* _Collected data entries_:

************

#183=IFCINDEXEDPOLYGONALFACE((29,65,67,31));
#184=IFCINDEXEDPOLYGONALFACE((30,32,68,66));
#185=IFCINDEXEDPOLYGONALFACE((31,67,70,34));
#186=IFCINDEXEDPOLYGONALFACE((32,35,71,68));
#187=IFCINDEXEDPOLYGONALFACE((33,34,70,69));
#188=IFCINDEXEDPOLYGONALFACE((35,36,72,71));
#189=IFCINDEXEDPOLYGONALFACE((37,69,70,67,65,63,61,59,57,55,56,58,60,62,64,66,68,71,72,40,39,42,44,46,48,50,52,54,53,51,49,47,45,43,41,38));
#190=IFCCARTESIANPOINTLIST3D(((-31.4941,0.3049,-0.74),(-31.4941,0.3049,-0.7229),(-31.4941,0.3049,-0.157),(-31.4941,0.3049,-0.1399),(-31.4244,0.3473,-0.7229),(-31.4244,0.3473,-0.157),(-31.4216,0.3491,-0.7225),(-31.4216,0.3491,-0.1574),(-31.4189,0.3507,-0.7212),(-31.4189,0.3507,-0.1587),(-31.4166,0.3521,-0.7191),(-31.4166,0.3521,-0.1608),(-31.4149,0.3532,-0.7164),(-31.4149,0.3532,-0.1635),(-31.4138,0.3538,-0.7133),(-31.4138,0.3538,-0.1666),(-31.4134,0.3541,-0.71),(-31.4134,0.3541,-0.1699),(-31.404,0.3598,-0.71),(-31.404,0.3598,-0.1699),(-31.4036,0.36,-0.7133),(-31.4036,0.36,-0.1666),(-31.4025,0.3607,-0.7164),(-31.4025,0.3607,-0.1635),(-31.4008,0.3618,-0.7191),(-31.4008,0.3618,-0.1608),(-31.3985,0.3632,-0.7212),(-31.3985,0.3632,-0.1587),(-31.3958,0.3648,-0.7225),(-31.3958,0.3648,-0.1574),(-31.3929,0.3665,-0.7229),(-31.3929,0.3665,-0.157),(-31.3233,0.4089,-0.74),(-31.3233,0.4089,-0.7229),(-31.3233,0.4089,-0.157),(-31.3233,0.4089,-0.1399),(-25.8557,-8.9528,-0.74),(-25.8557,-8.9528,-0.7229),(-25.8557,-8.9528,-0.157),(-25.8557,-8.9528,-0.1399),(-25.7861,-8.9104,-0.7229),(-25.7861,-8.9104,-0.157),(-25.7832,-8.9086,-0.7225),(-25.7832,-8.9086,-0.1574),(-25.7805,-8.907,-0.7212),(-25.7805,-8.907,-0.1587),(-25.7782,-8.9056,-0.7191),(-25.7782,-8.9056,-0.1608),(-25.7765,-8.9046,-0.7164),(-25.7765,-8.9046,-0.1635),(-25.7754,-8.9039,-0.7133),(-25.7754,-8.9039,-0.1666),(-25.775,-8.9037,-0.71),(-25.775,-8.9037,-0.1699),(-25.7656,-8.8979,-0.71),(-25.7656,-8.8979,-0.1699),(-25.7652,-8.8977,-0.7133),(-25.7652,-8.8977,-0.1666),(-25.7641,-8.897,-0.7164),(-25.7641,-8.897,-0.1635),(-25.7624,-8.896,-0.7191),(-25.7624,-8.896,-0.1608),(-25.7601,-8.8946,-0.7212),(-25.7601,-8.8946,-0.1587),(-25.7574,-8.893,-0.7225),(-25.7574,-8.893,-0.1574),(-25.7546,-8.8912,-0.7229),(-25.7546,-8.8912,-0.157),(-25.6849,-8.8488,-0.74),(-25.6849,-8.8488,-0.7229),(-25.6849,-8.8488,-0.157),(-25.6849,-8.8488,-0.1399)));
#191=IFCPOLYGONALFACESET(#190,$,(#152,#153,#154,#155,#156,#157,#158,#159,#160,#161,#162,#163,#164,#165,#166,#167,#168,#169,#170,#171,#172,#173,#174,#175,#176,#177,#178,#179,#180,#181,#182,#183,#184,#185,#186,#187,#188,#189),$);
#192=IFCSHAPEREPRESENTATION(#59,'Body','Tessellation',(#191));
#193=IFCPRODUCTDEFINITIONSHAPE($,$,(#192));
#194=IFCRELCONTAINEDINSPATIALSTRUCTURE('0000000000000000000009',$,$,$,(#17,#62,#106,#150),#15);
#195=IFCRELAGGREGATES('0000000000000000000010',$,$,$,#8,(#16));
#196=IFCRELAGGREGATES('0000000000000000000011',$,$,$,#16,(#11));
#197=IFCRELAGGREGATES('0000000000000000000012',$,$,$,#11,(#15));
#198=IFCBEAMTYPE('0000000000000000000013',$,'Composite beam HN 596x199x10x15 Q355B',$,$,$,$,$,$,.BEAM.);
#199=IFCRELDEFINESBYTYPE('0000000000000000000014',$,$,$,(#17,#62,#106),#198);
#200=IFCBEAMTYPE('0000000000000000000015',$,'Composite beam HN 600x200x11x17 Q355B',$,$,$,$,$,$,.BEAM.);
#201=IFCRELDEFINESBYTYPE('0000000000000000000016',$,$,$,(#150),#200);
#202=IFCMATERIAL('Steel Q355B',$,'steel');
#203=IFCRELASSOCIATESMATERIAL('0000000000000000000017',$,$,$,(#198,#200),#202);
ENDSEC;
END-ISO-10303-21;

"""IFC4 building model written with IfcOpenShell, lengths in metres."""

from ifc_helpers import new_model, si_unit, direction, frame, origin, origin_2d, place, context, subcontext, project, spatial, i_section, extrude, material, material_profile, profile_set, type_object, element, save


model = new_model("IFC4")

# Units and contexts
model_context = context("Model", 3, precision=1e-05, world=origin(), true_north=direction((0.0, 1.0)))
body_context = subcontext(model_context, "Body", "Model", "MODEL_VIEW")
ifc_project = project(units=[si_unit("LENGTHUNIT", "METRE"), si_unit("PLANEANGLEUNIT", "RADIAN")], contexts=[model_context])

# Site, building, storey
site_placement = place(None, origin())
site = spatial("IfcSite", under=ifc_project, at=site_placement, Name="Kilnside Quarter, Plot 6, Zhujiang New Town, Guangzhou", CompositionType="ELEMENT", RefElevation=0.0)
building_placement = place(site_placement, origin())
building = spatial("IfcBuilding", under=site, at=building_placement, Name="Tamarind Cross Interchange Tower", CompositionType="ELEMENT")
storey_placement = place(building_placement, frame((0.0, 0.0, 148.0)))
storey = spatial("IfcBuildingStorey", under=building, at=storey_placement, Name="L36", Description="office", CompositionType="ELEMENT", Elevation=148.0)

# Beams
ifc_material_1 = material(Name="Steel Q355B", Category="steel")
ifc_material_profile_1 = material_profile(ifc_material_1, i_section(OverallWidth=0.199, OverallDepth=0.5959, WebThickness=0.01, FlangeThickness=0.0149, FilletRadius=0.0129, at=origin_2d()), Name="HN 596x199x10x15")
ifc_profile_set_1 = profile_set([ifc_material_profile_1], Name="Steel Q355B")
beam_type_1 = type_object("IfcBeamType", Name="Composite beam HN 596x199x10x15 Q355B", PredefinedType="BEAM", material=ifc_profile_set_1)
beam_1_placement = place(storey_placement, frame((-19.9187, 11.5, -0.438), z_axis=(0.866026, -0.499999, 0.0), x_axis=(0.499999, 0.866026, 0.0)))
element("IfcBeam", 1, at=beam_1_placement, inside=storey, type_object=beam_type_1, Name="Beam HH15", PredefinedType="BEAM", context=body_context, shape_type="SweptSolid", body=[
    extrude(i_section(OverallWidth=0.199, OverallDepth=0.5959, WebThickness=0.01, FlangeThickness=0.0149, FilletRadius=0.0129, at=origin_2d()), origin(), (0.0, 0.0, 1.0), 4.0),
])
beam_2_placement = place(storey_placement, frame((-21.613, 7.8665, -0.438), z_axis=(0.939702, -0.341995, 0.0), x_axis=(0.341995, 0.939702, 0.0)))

************

Each line of the data is to be output exactly, with none skipped.

* _ANSWER AREA_:
#183=IFCINDEXEDPOLYGONALFACE((29,65,67,31));
#184=IFCINDEXEDPOLYGONALFACE((30,32,68,66));
#185=IFCINDEXEDPOLYGONALFACE((31,67,70,34));
#186=IFCINDEXEDPOLYGONALFACE((32,35,71,68));
#187=IFCINDEXEDPOLYGONALFACE((33,34,70,69));
#188=IFCINDEXEDPOLYGONALFACE((35,36,72,71));
#189=IFCINDEXEDPOLYGONALFACE((37,69,70,67,65,63,61,59,57,55,56,58,60,62,64,66,68,71,72,40,39,42,44,46,48,50,52,54,53,51,49,47,45,43,41,38));
#190=IFCCARTESIANPOINTLIST3D(((-31.4941,0.3049,-0.74),(-31.4941,0.3049,-0.7229),(-31.4941,0.3049,-0.157),(-31.4941,0.3049,-0.1399),(-31.4244,0.3473,-0.7229),(-31.4244,0.3473,-0.157),(-31.4216,0.3491,-0.7225),(-31.4216,0.3491,-0.1574),(-31.4189,0.3507,-0.7212),(-31.4189,0.3507,-0.1587),(-31.4166,0.3521,-0.7191),(-31.4166,0.3521,-0.1608),(-31.4149,0.3532,-0.7164),(-31.4149,0.3532,-0.1635),(-31.4138,0.3538,-0.7133),(-31.4138,0.3538,-0.1666),(-31.4134,0.3541,-0.71),(-31.4134,0.3541,-0.1699),(-31.404,0.3598,-0.71),(-31.404,0.3598,-0.1699),(-31.4036,0.36,-0.7133),(-31.4036,0.36,-0.1666),(-31.4025,0.3607,-0.7164),(-31.4025,0.3607,-0.1635),(-31.4008,0.3618,-0.7191),(-31.4008,0.3618,-0.1608),(-31.3985,0.3632,-0.7212),(-31.3985,0.3632,-0.1587),(-31.3958,0.3648,-0.7225),(-31.3958,0.3648,-0.1574),(-31.3929,0.3665,-0.7229),(-31.3929,0.3665,-0.157),(-31.3233,0.4089,-0.74),(-31.3233,0.4089,-0.7229),(-31.3233,0.4089,-0.157),(-31.3233,0.4089,-0.1399),(-25.8557,-8.9528,-0.74),(-25.8557,-8.9528,-0.7229),(-25.8557,-8.9528,-0.157),(-25.8557,-8.9528,-0.1399),(-25.7861,-8.9104,-0.7229),(-25.7861,-8.9104,-0.157),(-25.7832,-8.9086,-0.7225),(-25.7832,-8.9086,-0.1574),(-25.7805,-8.907,-0.7212),(-25.7805,-8.907,-0.1587),(-25.7782,-8.9056,-0.7191),(-25.7782,-8.9056,-0.1608),(-25.7765,-8.9046,-0.7164),(-25.7765,-8.9046,-0.1635),(-25.7754,-8.9039,-0.7133),(-25.7754,-8.9039,-0.1666),(-25.775,-8.9037,-0.71),(-25.775,-8.9037,-0.1699),(-25.7656,-8.8979,-0.71),(-25.7656,-8.8979,-0.1699),(-25.7652,-8.8977,-0.7133),(-25.7652,-8.8977,-0.1666),(-25.7641,-8.897,-0.7164),(-25.7641,-8.897,-0.1635),(-25.7624,-8.896,-0.7191),(-25.7624,-8.896,-0.1608),(-25.7601,-8.8946,-0.7212),(-25.7601,-8.8946,-0.1587),(-25.7574,-8.893,-0.7225),(-25.7574,-8.893,-0.1574),(-25.7546,-8.8912,-0.7229),(-25.7546,-8.8912,-0.157),(-25.6849,-8.8488,-0.74),(-25.6849,-8.8488,-0.7229),(-25.6849,-8.8488,-0.157),(-25.6849,-8.8488,-0.1399)));
#191=IFCPOLYGONALFACESET(#190,$,(#152,#153,#154,#155,#156,#157,#158,#159,#160,#161,#162,#163,#164,#165,#166,#167,#168,#169,#170,#171,#172,#173,#174,#175,#176,#177,#178,#179,#180,#181,#182,#183,#184,#185,#186,#187,#188,#189),$);
#192=IFCSHAPEREPRESENTATION(#59,'Body','Tessellation',(#191));
#193=IFCPRODUCTDEFINITIONSHAPE($,$,(#192));
#194=IFCRELCONTAINEDINSPATIALSTRUCTURE('0000000000000000000009',$,$,$,(#17,#62,#106,#150),#15);
#195=IFCRELAGGREGATES('0000000000000000000010',$,$,$,#8,(#16));
#196=IFCRELAGGREGATES('0000000000000000000011',$,$,$,#16,(#11));
#197=IFCRELAGGREGATES('0000000000000000000012',$,$,$,#11,(#15));
#198=IFCBEAMTYPE('0000000000000000000013',$,'Composite beam HN 596x199x10x15 Q355B',$,$,$,$,$,$,.BEAM.);
#199=IFCRELDEFINESBYTYPE('0000000000000000000014',$,$,$,(#17,#62,#106),#198);
#200=IFCBEAMTYPE('0000000000000000000015',$,'Composite beam HN 600x200x11x17 Q355B',$,$,$,$,$,$,.BEAM.);
#201=IFCRELDEFINESBYTYPE('0000000000000000000016',$,$,$,(#150),#200);
#202=IFCMATERIAL('Steel Q355B',$,'steel');
#203=IFCRELASSOCIATESMATERIAL('0000000000000000000017',$,$,$,(#198,#200),#202);
ENDSEC;
END-ISO-10303-21;

"""IFC4 building model written with IfcOpenShell, lengths in metres."""

from ifc_helpers import new_model, si_unit, direction, frame, origin, origin_2d, place, context, subcontext, project, spatial, i_section, extrude, material, material_profile, profile_set, type_object, element, save


model = new_model("IFC4")

# Units and contexts
model_context = context("Model", 3, precision=1e-05, world=origin(), true_north=direction((0.0, 1.0)))
body_context = subcontext(model_context, "Body", "Model", "MODEL_VIEW")
ifc_project = project(units=[si_unit("LENGTHUNIT", "METRE"), si_unit("PLANEANGLEUNIT", "RADIAN")], contexts=[model_context])

# Site, building, storey
site_placement = place(None, origin())
site = spatial("IfcSite", under=ifc_project, at=site_placement, Name="Kilnside Quarter, Plot 6, Zhujiang New Town, Guangzhou", CompositionType="ELEMENT", RefElevation=0.0)
building_placement = place(site_placement, origin())
building = spatial("IfcBuilding", under=site, at=building_placement, Name="Tamarind Cross Interchange Tower", CompositionType="ELEMENT")
storey_placement = place(building_placement, frame((0.0, 0.0, 148.0)))
storey = spatial("IfcBuildingStorey", under=building, at=storey_placement, Name="L36", Description="office", CompositionType="ELEMENT", Elevation=148.0)

# Beams
ifc_material_1 = material(Name="Steel Q355B", Category="steel")
ifc_material_profile_1 = material_profile(ifc_material_1, i_section(OverallWidth=0.199, OverallDepth=0.5959, WebThickness=0.01, FlangeThickness=0.0149, FilletRadius=0.0129, at=origin_2d()), Name="HN 596x199x10x15")
ifc_profile_set_1 = profile_set([ifc_material_profile_1], Name="Steel Q355B")
beam_type_1 = type_object("IfcBeamType", Name="Composite beam HN 596x199x10x15 Q355B", PredefinedType="BEAM", material=ifc_profile_set_1)
beam_1_placement = place(storey_placement, frame((-19.9187, 11.5, -0.438), z_axis=(0.866026, -0.499999, 0.0), x_axis=(0.499999, 0.866026, 0.0)))
element("IfcBeam", 1, at=beam_1_placement, inside=storey, type_object=beam_type_1, Name="Beam HH15", PredefinedType="BEAM", context=body_context, shape_type="SweptSolid", body=[
    extrude(i_section(OverallWidth=0.199, OverallDepth=0.5959, WebThickness=0.01, FlangeThickness=0.0149, FilletRadius=0.0129, at=origin_2d()), origin(), (0.0, 0.0, 1.0), 4.0),
])
beam_2_placement = place(storey_placement, frame((-21.613, 7.8665, -0.438), z_axis=(0.939702, -0.341995, 0.0), x_axis=(0.341995, 0.939702, 0.0)))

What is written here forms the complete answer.